Task brief
Using the data below, return the stretch from the line that contains "#125=IFCMATERIAL('Concrete C50/60',$,'concrete');" through the line that contains "END-ISO-10303-21;", both included, exactly as it stands and nothing beyond it.

Record extracts
----------------------------------------

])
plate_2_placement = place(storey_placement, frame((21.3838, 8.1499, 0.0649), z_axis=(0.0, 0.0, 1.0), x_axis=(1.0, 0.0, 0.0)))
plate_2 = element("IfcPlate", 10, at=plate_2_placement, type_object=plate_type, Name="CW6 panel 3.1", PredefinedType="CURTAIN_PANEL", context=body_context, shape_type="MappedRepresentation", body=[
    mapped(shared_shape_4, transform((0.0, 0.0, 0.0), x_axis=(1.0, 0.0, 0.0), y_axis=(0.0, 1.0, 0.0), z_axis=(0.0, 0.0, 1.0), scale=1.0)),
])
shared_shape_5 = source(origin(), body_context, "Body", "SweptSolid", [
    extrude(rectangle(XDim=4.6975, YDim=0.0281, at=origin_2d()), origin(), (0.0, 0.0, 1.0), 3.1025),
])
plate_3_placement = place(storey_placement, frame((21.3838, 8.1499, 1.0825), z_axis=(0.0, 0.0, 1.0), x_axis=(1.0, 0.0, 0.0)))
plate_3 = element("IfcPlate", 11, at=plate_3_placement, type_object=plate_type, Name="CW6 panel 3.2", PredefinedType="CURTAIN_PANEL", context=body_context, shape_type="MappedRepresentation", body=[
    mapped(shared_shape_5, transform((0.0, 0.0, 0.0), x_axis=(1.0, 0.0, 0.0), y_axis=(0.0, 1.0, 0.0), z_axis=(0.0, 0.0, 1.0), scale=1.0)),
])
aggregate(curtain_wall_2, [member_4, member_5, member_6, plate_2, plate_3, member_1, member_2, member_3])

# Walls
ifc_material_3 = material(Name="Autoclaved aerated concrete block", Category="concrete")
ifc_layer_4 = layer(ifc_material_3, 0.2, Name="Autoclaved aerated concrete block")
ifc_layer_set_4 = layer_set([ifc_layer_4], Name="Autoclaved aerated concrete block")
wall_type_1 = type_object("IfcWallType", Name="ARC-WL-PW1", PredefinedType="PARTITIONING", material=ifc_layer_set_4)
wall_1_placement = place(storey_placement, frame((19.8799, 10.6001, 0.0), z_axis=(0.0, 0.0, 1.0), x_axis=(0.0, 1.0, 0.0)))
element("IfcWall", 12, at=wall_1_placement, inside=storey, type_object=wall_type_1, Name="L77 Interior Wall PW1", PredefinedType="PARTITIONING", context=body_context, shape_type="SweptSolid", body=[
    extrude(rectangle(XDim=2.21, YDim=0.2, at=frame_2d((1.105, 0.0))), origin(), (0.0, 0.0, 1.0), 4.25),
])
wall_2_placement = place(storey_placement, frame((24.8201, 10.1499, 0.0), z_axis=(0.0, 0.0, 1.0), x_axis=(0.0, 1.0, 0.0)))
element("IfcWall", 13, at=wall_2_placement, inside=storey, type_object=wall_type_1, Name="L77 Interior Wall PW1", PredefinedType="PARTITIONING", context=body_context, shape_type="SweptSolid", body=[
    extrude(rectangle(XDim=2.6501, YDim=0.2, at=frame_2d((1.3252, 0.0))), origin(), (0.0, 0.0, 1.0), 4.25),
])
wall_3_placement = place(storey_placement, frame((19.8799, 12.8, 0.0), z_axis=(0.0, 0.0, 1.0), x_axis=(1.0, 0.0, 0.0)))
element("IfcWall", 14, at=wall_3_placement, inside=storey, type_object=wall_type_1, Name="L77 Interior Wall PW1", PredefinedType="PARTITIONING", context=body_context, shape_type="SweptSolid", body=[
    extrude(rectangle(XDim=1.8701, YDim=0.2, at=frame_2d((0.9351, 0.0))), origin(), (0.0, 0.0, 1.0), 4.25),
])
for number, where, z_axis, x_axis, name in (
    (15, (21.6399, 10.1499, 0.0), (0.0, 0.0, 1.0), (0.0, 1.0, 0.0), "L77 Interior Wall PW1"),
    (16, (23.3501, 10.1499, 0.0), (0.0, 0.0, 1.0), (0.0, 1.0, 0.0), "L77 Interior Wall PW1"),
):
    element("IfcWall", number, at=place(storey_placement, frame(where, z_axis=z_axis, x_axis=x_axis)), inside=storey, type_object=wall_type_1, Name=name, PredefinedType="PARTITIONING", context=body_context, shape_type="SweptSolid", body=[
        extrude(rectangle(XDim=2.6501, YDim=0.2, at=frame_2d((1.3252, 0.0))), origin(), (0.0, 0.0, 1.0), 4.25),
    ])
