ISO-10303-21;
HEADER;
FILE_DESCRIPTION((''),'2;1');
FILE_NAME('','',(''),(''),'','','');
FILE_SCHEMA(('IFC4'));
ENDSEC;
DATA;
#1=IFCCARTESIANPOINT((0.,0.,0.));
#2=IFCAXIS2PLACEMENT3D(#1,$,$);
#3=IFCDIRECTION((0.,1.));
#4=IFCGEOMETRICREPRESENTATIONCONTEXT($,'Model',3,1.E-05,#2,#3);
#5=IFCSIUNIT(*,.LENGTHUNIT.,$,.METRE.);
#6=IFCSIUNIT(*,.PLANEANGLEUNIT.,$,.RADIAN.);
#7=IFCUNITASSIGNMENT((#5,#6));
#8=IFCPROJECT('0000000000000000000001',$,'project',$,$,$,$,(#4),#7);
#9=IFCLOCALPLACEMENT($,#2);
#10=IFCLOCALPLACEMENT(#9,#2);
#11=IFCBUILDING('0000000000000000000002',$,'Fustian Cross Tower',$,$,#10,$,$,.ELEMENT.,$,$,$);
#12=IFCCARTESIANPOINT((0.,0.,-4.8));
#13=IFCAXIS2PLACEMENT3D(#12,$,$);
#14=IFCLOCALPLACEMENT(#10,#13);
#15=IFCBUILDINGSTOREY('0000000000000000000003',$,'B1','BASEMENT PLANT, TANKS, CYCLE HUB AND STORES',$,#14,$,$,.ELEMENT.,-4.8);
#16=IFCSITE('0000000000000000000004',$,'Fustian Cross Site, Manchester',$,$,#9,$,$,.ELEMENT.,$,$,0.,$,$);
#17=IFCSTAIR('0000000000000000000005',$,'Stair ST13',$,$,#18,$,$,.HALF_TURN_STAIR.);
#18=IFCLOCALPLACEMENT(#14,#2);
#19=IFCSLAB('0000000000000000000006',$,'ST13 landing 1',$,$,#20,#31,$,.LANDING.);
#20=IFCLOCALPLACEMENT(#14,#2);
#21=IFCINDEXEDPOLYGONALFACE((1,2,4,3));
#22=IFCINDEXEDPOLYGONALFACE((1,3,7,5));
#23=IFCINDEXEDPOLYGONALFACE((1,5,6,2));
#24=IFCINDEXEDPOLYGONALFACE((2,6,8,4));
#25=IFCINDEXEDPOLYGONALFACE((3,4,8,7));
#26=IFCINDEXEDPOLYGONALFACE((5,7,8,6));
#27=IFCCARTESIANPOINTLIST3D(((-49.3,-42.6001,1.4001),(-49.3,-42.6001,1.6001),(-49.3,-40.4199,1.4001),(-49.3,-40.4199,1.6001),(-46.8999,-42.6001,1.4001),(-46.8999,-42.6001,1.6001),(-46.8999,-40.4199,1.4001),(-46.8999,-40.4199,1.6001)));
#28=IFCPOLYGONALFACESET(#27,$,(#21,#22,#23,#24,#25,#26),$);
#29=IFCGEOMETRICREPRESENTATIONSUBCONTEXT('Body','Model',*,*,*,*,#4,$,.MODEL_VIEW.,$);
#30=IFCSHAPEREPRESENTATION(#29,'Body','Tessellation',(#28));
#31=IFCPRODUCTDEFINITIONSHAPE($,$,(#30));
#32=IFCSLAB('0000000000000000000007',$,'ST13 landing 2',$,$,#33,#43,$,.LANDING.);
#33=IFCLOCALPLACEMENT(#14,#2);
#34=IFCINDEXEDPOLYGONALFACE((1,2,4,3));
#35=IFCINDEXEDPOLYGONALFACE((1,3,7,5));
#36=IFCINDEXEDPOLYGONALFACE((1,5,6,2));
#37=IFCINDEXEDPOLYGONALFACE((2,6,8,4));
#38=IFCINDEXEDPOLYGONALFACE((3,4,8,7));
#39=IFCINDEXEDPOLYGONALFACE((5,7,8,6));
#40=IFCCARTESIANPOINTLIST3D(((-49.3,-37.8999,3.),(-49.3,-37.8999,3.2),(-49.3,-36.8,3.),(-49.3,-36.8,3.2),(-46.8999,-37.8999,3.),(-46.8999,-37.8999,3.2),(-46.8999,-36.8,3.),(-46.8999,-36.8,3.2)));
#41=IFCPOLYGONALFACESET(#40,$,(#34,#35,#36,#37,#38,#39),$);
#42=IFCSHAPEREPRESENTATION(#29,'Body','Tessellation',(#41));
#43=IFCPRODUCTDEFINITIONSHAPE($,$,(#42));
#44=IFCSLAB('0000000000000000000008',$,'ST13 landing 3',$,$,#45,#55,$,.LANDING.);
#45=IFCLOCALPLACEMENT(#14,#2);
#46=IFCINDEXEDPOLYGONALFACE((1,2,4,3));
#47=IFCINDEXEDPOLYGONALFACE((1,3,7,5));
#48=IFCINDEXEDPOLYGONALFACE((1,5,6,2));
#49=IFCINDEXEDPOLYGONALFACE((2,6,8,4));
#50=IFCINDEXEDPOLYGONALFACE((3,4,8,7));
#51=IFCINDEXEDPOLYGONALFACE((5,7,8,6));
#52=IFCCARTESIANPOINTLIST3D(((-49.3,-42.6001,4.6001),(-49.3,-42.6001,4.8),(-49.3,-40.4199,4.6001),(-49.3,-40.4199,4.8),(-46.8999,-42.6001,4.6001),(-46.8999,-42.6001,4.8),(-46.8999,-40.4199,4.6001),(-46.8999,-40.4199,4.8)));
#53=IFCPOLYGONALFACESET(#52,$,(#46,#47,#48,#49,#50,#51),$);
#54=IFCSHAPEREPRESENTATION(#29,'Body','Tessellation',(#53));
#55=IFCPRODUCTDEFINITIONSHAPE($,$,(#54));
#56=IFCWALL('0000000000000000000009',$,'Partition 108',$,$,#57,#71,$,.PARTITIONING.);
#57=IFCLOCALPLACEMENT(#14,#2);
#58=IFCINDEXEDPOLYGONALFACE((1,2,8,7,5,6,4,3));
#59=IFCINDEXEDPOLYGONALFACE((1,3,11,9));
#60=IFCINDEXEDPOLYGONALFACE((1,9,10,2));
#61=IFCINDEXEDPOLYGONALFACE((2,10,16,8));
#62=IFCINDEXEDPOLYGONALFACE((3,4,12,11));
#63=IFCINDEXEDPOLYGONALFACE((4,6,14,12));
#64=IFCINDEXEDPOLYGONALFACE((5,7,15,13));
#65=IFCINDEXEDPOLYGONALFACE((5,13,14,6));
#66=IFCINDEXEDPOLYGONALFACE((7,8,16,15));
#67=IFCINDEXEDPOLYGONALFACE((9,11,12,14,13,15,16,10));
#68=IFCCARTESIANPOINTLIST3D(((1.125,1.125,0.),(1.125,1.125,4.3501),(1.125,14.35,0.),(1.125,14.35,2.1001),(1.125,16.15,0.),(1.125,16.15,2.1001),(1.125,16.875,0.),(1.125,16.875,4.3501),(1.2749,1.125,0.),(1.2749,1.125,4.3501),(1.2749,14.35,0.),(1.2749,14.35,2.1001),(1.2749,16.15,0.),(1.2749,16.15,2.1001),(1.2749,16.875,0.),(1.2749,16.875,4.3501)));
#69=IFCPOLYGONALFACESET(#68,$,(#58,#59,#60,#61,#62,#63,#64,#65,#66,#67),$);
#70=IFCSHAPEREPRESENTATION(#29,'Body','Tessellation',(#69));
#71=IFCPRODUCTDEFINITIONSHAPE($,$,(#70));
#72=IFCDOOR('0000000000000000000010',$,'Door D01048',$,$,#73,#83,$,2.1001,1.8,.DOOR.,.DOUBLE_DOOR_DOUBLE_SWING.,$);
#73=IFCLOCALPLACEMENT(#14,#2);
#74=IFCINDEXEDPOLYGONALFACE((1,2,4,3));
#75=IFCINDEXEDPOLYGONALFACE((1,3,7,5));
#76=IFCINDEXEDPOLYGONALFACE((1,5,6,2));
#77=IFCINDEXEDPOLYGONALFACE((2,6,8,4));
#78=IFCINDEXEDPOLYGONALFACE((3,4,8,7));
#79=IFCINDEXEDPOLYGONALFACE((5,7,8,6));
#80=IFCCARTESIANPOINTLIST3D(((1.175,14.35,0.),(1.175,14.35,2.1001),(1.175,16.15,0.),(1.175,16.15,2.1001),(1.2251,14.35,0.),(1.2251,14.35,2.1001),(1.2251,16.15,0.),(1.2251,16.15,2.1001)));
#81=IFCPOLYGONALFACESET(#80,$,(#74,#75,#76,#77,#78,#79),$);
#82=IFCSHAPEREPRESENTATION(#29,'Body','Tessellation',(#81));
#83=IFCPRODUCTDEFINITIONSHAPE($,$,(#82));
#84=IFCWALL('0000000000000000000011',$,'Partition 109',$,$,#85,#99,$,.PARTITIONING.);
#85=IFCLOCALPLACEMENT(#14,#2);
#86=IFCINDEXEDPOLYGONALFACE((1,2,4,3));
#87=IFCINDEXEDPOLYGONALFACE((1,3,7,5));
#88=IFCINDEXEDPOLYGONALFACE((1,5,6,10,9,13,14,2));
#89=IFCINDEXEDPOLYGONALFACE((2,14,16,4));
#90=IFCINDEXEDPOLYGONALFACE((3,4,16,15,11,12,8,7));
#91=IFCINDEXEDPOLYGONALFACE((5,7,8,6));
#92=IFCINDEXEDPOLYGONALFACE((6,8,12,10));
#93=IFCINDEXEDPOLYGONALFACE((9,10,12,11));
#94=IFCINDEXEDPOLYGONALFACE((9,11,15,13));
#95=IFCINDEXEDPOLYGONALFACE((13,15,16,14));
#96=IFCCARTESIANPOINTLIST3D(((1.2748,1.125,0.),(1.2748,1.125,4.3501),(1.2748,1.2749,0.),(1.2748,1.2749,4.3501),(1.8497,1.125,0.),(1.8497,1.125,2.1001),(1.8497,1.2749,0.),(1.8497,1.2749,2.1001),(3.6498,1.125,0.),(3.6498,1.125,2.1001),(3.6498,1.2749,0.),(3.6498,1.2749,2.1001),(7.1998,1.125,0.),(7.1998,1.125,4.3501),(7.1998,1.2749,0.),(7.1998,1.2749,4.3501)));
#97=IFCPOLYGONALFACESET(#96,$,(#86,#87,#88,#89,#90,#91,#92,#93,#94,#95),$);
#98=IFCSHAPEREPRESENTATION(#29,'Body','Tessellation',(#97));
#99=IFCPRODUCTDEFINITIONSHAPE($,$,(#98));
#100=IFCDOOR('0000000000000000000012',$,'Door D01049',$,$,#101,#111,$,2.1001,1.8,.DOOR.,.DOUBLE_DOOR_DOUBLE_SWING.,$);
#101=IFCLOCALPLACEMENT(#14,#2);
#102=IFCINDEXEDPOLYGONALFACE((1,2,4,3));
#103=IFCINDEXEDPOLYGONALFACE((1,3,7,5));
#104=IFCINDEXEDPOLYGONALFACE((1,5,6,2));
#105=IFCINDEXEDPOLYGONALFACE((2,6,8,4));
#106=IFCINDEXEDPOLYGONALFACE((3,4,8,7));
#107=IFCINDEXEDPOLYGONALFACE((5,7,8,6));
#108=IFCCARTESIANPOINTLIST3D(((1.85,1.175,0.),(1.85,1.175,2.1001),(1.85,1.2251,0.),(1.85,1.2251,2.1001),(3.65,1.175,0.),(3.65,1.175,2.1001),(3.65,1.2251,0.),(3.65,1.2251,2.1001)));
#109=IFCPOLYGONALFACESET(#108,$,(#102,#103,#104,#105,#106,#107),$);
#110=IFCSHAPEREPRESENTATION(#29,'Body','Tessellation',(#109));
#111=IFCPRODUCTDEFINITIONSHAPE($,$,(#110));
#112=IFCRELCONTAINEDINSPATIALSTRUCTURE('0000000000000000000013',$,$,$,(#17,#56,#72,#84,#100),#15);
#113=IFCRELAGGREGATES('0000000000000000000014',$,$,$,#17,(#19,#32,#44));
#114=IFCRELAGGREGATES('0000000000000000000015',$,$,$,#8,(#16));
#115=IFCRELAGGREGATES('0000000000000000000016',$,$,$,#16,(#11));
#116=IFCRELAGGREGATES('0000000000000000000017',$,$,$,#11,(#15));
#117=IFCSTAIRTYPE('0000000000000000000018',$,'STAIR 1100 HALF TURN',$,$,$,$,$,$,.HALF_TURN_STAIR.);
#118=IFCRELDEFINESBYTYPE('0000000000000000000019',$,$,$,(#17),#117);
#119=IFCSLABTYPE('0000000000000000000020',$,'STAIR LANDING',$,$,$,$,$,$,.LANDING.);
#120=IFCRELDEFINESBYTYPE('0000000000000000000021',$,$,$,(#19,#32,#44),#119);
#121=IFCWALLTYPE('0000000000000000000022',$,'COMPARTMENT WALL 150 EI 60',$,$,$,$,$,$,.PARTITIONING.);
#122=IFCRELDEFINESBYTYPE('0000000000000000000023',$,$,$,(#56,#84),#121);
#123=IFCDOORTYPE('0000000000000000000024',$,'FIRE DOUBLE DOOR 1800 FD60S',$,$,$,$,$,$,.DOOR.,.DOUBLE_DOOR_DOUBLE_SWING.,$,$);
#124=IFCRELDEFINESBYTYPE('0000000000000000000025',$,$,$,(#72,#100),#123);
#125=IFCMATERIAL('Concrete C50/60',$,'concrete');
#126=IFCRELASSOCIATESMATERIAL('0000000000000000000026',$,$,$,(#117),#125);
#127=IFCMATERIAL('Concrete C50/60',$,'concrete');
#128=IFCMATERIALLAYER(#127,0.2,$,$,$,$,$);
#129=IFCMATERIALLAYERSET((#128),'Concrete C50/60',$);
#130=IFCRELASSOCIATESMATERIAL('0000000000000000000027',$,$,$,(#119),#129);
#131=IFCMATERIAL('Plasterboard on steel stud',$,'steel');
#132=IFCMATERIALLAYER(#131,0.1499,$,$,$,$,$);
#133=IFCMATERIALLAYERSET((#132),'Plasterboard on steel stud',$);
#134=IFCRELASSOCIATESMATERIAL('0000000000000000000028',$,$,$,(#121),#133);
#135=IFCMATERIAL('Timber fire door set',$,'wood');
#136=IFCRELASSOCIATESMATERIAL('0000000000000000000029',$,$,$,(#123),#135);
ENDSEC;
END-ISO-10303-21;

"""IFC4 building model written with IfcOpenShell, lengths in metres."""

from ifc_helpers import new_model, si_unit, direction, frame, frame_2d, origin, place, context, subcontext, project, spatial, polyline, rectangle, outline, extrude, material, layer, layer_set, type_object, element, fill, aggregate, save


model = new_model("IFC4")

# Units and contexts
model_context = context("Model", 3, precision=1e-05, world=origin(), true_north=direction((0.0, 1.0)))
body_context = subcontext(model_context, "Body", "Model", "MODEL_VIEW")
ifc_project = project(units=[si_unit("LENGTHUNIT", "METRE"), si_unit("PLANEANGLEUNIT", "RADIAN")], contexts=[model_context])

# Site, building, storey
site_placement = place(None, origin())
site = spatial("IfcSite", under=ifc_project, at=site_placement, Name="Fustian Cross Site, Manchester", CompositionType="ELEMENT", RefElevation=0.0)
building_placement = place(site_placement, origin())
building = spatial("IfcBuilding", under=site, at=building_placement, Name="Fustian Cross Tower", CompositionType="ELEMENT")
storey_placement = place(building_placement, frame((0.0, 0.0, -4.8)))
storey = spatial("IfcBuildingStorey", under=building, at=storey_placement, Name="B1", Description="BASEMENT PLANT, TANKS, CYCLE HUB AND STORES", CompositionType="ELEMENT", Elevation=-4.8)

# Stair, slabs
ifc_material_1 = material(Name="Concrete C50/60", Category="concrete")
stair_type = type_object("IfcStairType", Name="STAIR 1100 HALF TURN", PredefinedType="HALF_TURN_STAIR", material=ifc_material_1)
ifc_material_2 = material(Name="Concrete C50/60", Category="concrete")
ifc_layer_1 = layer(ifc_material_2, 0.2)
ifc_layer_set_1 = layer_set([ifc_layer_1], Name="Concrete C50/60")
slab_type = type_object("IfcSlabType", Name="STAIR LANDING", PredefinedType="LANDING", material=ifc_layer_set_1)
stair_1_placement = place(storey_placement, origin())
stair_1 = element("IfcStair", 1, at=stair_1_placement, inside=storey, type_object=stair_type, Name="Stair ST13", PredefinedType="HALF_TURN_STAIR")
slab_1_placement = place(storey_placement, frame((0.0, 0.0, 1.4001)))
slab_1 = element("IfcSlab", 2, at=slab_1_placement, type_object=slab_type, Name="ST13 landing 1", PredefinedType="LANDING", context=body_context, shape_type="SweptSolid", body=[
    extrude(outline(polyline([(-49.3, -40.4199), (-49.3, -42.6001), (-46.8999, -42.6001), (-46.8999, -40.4199), (-49.3, -40.4199)])), origin(), (0.0, 0.0, 1.0), 0.2),
])
slab_2_placement = place(storey_placement, frame((0.0, 0.0, 3.0)))
slab_2 = element("IfcSlab", 3, at=slab_2_placement, type_object=slab_type, Name="ST13 landing 2", PredefinedType="LANDING", context=body_context, shape_type="SweptSolid", body=[
    extrude(outline(polyline([(-49.3, -36.8), (-49.3, -37.8999), (-46.8999, -37.8999), (-46.8999, -36.8), (-49.3, -36.8)])), origin(), (0.0, 0.0, 1.0), 0.2),
])
slab_3_placement = place(storey_placement, frame((0.0, 0.0, 4.6001)))
slab_3 = element("IfcSlab", 4, at=slab_3_placement, type_object=slab_type, Name="ST13 landing 3", PredefinedType="LANDING", context=body_context, shape_type="SweptSolid", body=[
    extrude(outline(polyline([(-49.3, -40.4199), (-49.3, -42.6001), (-46.8999, -42.6001), (-46.8999, -40.4199), (-49.3, -40.4199)])), origin(), (0.0, 0.0, 1.0), 0.2),
])
aggregate(stair_1, [slab_1, slab_2, slab_3])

----------------------------------------

Result for this exercise
#125=IFCMATERIAL('Concrete C50/60',$,'concrete');
#126=IFCRELASSOCIATESMATERIAL('0000000000000000000026',$,$,$,(#117),#125);
#127=IFCMATERIAL('Concrete C50/60',$,'concrete');
#128=IFCMATERIALLAYER(#127,0.2,$,$,$,$,$);
#129=IFCMATERIALLAYERSET((#128),'Concrete C50/60',$);
#130=IFCRELASSOCIATESMATERIAL('0000000000000000000027',$,$,$,(#119),#129);
#131=IFCMATERIAL('Plasterboard on steel stud',$,'steel');
#132=IFCMATERIALLAYER(#131,0.1499,$,$,$,$,$);
#133=IFCMATERIALLAYERSET((#132),'Plasterboard on steel stud',$);
#134=IFCRELASSOCIATESMATERIAL('0000000000000000000028',$,$,$,(#121),#133);
#135=IFCMATERIAL('Timber fire door set',$,'wood');
#136=IFCRELASSOCIATESMATERIAL('0000000000000000000029',$,$,$,(#123),#135);
ENDSEC;
END-ISO-10303-21;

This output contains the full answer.